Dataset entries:
○ ○ ○ ○

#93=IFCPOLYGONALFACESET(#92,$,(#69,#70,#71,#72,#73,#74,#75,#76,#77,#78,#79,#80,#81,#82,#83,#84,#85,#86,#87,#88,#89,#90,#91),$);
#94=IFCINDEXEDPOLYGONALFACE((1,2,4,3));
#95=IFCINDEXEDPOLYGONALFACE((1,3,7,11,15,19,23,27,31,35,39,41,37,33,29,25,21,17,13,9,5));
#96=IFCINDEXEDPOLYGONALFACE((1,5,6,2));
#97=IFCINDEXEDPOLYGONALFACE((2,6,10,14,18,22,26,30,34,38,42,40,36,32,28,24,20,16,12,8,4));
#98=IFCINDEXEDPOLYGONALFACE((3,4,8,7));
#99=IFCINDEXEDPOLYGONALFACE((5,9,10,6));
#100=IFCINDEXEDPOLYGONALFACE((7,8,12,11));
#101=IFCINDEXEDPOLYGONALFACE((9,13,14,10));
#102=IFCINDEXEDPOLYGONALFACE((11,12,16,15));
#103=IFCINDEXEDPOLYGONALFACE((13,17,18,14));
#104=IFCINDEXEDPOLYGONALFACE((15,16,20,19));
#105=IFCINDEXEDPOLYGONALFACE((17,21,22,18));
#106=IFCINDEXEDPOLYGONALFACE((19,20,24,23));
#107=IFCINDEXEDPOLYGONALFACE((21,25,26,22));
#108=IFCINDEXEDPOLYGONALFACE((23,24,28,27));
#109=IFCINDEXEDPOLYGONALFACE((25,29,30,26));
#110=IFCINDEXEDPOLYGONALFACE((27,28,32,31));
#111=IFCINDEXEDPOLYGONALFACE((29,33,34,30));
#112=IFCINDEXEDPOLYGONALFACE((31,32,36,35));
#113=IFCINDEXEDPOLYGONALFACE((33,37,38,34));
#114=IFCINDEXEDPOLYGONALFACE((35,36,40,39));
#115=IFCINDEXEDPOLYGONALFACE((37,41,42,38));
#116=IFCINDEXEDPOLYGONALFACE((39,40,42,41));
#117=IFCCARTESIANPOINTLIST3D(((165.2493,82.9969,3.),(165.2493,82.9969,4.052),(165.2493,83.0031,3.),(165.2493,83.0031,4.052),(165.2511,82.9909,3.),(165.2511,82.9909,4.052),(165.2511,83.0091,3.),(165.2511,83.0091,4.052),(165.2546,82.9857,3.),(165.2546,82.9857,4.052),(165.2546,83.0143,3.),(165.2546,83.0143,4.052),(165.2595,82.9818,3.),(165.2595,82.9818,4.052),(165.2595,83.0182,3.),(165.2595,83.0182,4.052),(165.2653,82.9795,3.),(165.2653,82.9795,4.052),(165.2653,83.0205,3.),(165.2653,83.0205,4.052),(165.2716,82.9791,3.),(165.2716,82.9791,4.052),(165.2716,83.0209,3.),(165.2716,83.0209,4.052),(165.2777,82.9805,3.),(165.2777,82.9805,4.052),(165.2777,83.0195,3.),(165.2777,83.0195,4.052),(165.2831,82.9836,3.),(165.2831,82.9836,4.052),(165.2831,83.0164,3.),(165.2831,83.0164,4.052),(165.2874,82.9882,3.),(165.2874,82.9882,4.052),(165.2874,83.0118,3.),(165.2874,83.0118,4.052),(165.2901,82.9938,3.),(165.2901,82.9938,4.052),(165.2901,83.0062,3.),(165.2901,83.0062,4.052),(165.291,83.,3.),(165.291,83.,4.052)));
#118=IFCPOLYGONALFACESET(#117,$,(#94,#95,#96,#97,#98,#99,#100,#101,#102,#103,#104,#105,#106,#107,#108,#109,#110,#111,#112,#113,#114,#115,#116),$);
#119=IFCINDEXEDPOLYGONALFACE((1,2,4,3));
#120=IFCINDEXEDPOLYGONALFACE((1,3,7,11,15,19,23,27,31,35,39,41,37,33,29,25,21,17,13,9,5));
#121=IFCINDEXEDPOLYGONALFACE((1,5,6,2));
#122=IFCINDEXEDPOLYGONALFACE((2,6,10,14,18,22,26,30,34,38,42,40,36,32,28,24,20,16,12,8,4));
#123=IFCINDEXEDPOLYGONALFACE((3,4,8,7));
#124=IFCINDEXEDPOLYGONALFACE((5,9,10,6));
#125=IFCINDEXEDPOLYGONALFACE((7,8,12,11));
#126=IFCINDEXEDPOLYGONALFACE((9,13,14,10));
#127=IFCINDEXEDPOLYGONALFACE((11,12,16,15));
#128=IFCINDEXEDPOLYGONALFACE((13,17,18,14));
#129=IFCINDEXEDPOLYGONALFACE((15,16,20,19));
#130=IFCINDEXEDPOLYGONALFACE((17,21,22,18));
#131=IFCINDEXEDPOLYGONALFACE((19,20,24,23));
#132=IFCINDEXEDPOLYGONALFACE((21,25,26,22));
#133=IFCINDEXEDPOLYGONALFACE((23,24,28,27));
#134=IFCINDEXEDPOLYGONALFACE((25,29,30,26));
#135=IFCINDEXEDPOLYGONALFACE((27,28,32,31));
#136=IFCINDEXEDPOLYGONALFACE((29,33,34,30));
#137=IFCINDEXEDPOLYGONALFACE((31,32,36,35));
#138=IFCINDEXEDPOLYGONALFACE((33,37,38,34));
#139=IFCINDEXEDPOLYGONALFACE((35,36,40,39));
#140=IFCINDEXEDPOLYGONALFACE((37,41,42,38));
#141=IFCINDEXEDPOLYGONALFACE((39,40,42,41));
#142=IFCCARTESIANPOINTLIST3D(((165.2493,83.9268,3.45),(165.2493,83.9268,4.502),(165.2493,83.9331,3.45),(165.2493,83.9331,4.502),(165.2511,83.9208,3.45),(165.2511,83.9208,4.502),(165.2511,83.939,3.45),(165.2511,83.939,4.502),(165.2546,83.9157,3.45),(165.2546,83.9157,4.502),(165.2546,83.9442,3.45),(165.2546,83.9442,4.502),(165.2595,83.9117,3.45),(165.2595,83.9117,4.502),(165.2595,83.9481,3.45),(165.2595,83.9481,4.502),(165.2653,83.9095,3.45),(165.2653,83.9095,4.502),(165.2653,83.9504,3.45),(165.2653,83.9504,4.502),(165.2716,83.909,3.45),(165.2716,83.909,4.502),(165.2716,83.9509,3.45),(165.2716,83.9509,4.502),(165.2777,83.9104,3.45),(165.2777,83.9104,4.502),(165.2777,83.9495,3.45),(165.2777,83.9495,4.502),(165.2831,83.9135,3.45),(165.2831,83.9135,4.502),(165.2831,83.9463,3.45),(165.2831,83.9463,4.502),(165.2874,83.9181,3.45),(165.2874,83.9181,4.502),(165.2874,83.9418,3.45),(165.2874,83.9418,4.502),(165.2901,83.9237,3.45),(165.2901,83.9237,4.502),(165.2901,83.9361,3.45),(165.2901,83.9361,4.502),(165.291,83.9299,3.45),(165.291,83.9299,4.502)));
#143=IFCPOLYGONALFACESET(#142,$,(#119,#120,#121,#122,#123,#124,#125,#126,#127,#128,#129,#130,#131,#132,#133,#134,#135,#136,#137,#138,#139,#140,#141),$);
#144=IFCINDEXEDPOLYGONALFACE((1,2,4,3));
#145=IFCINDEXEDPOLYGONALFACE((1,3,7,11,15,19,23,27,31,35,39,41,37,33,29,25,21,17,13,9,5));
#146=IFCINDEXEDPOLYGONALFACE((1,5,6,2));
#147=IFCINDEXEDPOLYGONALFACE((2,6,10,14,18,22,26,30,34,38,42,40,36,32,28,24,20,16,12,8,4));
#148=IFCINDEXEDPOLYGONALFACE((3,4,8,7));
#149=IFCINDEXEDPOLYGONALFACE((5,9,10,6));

○ ○ ○ ○

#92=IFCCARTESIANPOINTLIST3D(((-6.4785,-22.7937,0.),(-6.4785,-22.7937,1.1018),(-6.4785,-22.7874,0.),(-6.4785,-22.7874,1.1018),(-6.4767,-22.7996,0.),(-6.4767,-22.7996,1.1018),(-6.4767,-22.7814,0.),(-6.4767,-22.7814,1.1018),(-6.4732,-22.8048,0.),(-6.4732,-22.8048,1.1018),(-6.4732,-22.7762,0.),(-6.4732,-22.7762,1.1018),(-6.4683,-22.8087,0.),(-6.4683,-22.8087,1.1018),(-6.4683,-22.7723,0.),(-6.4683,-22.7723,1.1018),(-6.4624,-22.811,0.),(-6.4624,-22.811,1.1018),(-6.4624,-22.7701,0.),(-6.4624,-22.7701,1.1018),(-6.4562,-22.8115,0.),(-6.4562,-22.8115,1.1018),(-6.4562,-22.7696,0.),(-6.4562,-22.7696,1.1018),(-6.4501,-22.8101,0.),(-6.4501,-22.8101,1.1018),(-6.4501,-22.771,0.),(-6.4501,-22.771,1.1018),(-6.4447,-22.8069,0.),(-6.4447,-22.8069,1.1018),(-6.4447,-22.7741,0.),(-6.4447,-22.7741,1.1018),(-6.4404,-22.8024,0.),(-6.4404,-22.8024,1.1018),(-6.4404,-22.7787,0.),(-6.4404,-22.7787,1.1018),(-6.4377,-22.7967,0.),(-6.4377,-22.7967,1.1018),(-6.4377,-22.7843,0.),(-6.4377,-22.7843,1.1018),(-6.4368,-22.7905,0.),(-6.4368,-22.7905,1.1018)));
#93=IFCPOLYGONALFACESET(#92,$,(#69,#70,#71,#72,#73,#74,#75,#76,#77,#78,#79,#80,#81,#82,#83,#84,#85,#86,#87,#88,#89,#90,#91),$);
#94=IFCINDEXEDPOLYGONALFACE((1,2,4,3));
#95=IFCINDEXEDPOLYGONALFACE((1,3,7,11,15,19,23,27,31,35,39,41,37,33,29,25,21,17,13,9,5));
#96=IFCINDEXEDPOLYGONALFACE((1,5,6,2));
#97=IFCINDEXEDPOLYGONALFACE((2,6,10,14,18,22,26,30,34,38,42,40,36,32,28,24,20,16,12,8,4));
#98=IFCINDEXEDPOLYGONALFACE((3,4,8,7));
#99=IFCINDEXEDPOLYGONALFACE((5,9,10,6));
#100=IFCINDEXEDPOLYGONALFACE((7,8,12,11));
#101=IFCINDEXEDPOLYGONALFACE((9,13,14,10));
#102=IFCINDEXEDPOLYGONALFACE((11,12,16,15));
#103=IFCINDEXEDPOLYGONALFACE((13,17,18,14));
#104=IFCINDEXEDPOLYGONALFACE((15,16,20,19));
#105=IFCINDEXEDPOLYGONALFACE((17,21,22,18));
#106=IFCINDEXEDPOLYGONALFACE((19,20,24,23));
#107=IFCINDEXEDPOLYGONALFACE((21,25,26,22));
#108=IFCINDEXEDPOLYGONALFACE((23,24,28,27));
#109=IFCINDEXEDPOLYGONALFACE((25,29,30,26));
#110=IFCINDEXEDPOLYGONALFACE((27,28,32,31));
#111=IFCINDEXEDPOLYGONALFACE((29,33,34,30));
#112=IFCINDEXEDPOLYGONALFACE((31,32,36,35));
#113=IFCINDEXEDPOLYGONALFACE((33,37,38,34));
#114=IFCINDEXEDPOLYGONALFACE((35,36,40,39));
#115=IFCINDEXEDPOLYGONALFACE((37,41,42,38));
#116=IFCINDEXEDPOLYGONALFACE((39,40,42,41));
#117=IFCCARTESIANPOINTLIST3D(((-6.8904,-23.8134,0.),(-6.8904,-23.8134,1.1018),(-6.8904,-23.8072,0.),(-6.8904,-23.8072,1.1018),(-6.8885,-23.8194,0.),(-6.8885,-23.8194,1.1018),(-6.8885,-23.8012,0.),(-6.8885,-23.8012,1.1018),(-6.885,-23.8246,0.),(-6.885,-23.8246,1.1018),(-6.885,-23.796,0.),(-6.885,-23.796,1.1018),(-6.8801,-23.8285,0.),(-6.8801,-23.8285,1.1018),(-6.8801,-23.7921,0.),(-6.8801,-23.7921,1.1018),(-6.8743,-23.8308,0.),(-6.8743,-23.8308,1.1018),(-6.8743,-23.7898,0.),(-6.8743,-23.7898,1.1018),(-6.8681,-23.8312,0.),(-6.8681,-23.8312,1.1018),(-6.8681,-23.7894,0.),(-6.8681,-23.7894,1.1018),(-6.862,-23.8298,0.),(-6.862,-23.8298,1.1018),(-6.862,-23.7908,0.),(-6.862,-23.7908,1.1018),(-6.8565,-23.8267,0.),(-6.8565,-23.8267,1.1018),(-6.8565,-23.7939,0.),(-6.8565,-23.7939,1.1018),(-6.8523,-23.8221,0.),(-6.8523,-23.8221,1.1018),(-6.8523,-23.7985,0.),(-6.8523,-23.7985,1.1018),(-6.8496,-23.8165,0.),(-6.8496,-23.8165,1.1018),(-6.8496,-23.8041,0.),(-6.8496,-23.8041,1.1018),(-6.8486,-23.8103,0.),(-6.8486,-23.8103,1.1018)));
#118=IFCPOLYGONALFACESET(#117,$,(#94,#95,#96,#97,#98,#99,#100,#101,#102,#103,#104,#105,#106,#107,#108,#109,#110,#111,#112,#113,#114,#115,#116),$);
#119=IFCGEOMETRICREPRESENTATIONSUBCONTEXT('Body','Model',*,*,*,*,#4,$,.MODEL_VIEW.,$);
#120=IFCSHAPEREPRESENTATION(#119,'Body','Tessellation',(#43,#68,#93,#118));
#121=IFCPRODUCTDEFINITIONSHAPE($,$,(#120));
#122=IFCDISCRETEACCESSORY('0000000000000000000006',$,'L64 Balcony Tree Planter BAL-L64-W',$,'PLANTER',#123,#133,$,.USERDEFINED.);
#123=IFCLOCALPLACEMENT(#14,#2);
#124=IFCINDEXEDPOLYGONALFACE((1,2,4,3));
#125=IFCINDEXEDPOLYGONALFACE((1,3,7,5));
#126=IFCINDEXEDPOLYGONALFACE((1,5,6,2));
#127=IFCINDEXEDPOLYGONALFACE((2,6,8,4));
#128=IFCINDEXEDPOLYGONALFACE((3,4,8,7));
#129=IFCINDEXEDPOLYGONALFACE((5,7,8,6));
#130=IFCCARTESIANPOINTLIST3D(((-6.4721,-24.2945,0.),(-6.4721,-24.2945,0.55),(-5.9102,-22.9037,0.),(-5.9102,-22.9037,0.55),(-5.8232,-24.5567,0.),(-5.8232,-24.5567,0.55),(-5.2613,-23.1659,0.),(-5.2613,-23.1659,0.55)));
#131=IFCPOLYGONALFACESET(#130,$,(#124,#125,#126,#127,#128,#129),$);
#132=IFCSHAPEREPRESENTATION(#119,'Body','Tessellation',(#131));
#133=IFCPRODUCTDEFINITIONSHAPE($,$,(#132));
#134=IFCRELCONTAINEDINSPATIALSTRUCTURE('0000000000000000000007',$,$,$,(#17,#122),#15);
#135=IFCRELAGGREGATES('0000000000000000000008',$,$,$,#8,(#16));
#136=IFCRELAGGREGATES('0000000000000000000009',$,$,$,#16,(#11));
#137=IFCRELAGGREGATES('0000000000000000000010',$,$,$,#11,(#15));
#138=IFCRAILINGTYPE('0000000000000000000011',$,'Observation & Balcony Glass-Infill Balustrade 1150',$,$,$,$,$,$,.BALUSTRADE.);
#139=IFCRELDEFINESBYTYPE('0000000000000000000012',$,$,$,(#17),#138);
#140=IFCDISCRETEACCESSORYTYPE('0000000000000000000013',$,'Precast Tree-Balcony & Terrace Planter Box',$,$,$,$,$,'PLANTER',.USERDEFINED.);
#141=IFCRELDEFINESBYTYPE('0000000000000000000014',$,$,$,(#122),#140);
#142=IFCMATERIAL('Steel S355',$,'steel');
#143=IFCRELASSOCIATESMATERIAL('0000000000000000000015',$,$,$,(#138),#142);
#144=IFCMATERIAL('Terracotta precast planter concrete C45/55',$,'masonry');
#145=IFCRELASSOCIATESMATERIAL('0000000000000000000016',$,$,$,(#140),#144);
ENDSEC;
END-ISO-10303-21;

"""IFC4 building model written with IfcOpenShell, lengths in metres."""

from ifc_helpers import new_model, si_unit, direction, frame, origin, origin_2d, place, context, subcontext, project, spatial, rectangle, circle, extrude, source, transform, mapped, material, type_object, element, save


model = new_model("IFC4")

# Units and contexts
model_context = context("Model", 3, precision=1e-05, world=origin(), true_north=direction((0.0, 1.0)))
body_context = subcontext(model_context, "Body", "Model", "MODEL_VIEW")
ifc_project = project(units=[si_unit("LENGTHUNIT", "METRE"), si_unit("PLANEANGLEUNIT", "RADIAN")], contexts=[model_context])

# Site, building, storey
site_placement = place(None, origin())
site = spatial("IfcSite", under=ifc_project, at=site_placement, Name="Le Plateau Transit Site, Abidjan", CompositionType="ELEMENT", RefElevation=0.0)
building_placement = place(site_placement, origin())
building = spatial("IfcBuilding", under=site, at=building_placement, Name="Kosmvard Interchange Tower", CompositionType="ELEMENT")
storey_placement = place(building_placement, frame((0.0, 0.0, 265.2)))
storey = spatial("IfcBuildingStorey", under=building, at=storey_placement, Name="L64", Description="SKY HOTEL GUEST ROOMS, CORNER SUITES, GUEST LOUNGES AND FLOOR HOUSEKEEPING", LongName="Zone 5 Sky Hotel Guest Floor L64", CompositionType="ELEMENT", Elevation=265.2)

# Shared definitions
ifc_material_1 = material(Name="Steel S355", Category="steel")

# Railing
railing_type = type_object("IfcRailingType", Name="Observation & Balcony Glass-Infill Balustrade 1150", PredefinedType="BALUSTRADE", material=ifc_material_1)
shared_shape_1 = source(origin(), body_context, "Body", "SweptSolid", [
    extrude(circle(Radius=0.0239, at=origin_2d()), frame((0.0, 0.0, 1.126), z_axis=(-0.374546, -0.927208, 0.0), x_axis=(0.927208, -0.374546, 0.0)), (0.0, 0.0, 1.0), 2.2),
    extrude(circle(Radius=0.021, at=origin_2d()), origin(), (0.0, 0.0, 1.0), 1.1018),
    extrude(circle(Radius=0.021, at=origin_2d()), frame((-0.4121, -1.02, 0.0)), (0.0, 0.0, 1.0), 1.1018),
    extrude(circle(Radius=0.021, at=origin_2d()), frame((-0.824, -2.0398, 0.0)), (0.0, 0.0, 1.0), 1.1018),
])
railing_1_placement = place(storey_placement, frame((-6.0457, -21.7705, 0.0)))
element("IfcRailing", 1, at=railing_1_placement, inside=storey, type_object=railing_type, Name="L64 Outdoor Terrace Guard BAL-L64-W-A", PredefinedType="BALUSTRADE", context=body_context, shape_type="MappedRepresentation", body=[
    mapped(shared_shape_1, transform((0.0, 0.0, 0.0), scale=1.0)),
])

○ ○ ○ ○

§ **Your task**
All lines above from the one containing "#131=IFCINDEXEDPOLYGONALFACE((19,20,24,23));" to the one containing "#141=IFCINDEXEDPOLYGONALFACE((39,40,42,41));" must be repeated exactly, both lines included, and no others.

§ **Written response**
#131=IFCINDEXEDPOLYGONALFACE((19,20,24,23));
#132=IFCINDEXEDPOLYGONALFACE((21,25,26,22));
#133=IFCINDEXEDPOLYGONALFACE((23,24,28,27));
#134=IFCINDEXEDPOLYGONALFACE((25,29,30,26));
#135=IFCINDEXEDPOLYGONALFACE((27,28,32,31));
#136=IFCINDEXEDPOLYGONALFACE((29,33,34,30));
#137=IFCINDEXEDPOLYGONALFACE((31,32,36,35));
#138=IFCINDEXEDPOLYGONALFACE((33,37,38,34));
#139=IFCINDEXEDPOLYGONALFACE((35,36,40,39));
#140=IFCINDEXEDPOLYGONALFACE((37,41,42,38));
#141=IFCINDEXEDPOLYGONALFACE((39,40,42,41));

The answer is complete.